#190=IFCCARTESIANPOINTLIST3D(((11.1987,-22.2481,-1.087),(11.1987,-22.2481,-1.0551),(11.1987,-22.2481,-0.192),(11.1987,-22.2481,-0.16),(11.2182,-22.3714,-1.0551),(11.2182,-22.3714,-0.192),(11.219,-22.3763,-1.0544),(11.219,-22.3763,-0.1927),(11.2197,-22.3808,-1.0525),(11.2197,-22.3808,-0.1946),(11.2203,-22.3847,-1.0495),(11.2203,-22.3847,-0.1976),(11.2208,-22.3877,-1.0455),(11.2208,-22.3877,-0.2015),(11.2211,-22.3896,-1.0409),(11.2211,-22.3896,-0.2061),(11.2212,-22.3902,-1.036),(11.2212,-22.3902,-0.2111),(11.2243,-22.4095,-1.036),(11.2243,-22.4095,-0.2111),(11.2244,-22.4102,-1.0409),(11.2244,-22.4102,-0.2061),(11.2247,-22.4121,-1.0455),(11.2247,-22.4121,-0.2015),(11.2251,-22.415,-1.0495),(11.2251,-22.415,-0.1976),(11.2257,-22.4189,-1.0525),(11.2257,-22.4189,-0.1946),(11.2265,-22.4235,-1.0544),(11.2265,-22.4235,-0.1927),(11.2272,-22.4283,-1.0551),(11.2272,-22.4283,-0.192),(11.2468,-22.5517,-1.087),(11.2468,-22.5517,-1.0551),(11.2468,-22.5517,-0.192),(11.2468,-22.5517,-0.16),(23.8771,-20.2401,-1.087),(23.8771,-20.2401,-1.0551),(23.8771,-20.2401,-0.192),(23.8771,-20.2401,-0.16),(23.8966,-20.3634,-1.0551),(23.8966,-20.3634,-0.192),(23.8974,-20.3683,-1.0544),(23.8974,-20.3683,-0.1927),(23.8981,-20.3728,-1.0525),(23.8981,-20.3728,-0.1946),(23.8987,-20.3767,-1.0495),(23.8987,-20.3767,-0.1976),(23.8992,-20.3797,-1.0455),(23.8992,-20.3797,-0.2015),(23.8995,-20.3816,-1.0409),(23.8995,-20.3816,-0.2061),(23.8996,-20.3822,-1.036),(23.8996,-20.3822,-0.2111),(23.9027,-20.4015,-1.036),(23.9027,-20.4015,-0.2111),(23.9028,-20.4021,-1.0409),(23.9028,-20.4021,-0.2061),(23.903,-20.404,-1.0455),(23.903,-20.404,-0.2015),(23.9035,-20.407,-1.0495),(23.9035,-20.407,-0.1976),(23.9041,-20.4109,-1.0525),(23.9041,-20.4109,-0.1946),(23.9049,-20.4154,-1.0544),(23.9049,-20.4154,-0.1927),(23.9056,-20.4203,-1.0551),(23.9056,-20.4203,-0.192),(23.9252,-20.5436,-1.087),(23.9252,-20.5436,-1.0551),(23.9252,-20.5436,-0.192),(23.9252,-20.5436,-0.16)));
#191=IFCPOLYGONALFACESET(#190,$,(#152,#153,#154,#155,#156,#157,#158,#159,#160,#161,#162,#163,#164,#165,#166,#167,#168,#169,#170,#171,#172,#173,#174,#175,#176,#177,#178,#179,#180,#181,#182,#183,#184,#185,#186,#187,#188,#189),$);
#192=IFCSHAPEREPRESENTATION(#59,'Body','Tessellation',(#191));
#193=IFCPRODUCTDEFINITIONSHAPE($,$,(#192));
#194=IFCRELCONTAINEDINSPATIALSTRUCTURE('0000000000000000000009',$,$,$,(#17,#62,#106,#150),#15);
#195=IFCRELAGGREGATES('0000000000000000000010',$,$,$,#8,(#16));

——

The problem:
Please give the material above once more, unchanged.

Finished exercise:
#190=IFCCARTESIANPOINTLIST3D(((11.1987,-22.2481,-1.087),(11.1987,-22.2481,-1.0551),(11.1987,-22.2481,-0.192),(11.1987,-22.2481,-0.16),(11.2182,-22.3714,-1.0551),(11.2182,-22.3714,-0.192),(11.219,-22.3763,-1.0544),(11.219,-22.3763,-0.1927),(11.2197,-22.3808,-1.0525),(11.2197,-22.3808,-0.1946),(11.2203,-22.3847,-1.0495),(11.2203,-22.3847,-0.1976),(11.2208,-22.3877,-1.0455),(11.2208,-22.3877,-0.2015),(11.2211,-22.3896,-1.0409),(11.2211,-22.3896,-0.2061),(11.2212,-22.3902,-1.036),(11.2212,-22.3902,-0.2111),(11.2243,-22.4095,-1.036),(11.2243,-22.4095,-0.2111),(11.2244,-22.4102,-1.0409),(11.2244,-22.4102,-0.2061),(11.2247,-22.4121,-1.0455),(11.2247,-22.4121,-0.2015),(11.2251,-22.415,-1.0495),(11.2251,-22.415,-0.1976),(11.2257,-22.4189,-1.0525),(11.2257,-22.4189,-0.1946),(11.2265,-22.4235,-1.0544),(11.2265,-22.4235,-0.1927),(11.2272,-22.4283,-1.0551),(11.2272,-22.4283,-0.192),(11.2468,-22.5517,-1.087),(11.2468,-22.5517,-1.0551),(11.2468,-22.5517,-0.192),(11.2468,-22.5517,-0.16),(23.8771,-20.2401,-1.087),(23.8771,-20.2401,-1.0551),(23.8771,-20.2401,-0.192),(23.8771,-20.2401,-0.16),(23.8966,-20.3634,-1.0551),(23.8966,-20.3634,-0.192),(23.8974,-20.3683,-1.0544),(23.8974,-20.3683,-0.1927),(23.8981,-20.3728,-1.0525),(23.8981,-20.3728,-0.1946),(23.8987,-20.3767,-1.0495),(23.8987,-20.3767,-0.1976),(23.8992,-20.3797,-1.0455),(23.8992,-20.3797,-0.2015),(23.8995,-20.3816,-1.0409),(23.8995,-20.3816,-0.2061),(23.8996,-20.3822,-1.036),(23.8996,-20.3822,-0.2111),(23.9027,-20.4015,-1.036),(23.9027,-20.4015,-0.2111),(23.9028,-20.4021,-1.0409),(23.9028,-20.4021,-0.2061),(23.903,-20.404,-1.0455),(23.903,-20.404,-0.2015),(23.9035,-20.407,-1.0495),(23.9035,-20.407,-0.1976),(23.9041,-20.4109,-1.0525),(23.9041,-20.4109,-0.1946),(23.9049,-20.4154,-1.0544),(23.9049,-20.4154,-0.1927),(23.9056,-20.4203,-1.0551),(23.9056,-20.4203,-0.192),(23.9252,-20.5436,-1.087),(23.9252,-20.5436,-1.0551),(23.9252,-20.5436,-0.192),(23.9252,-20.5436,-0.16)));
#191=IFCPOLYGONALFACESET(#190,$,(#152,#153,#154,#155,#156,#157,#158,#159,#160,#161,#162,#163,#164,#165,#166,#167,#168,#169,#170,#171,#172,#173,#174,#175,#176,#177,#178,#179,#180,#181,#182,#183,#184,#185,#186,#187,#188,#189),$);
#192=IFCSHAPEREPRESENTATION(#59,'Body','Tessellation',(#191));
#193=IFCPRODUCTDEFINITIONSHAPE($,$,(#192));
#194=IFCRELCONTAINEDINSPATIALSTRUCTURE('0000000000000000000009',$,$,$,(#17,#62,#106,#150),#15);
#195=IFCRELAGGREGATES('0000000000000000000010',$,$,$,#8,(#16));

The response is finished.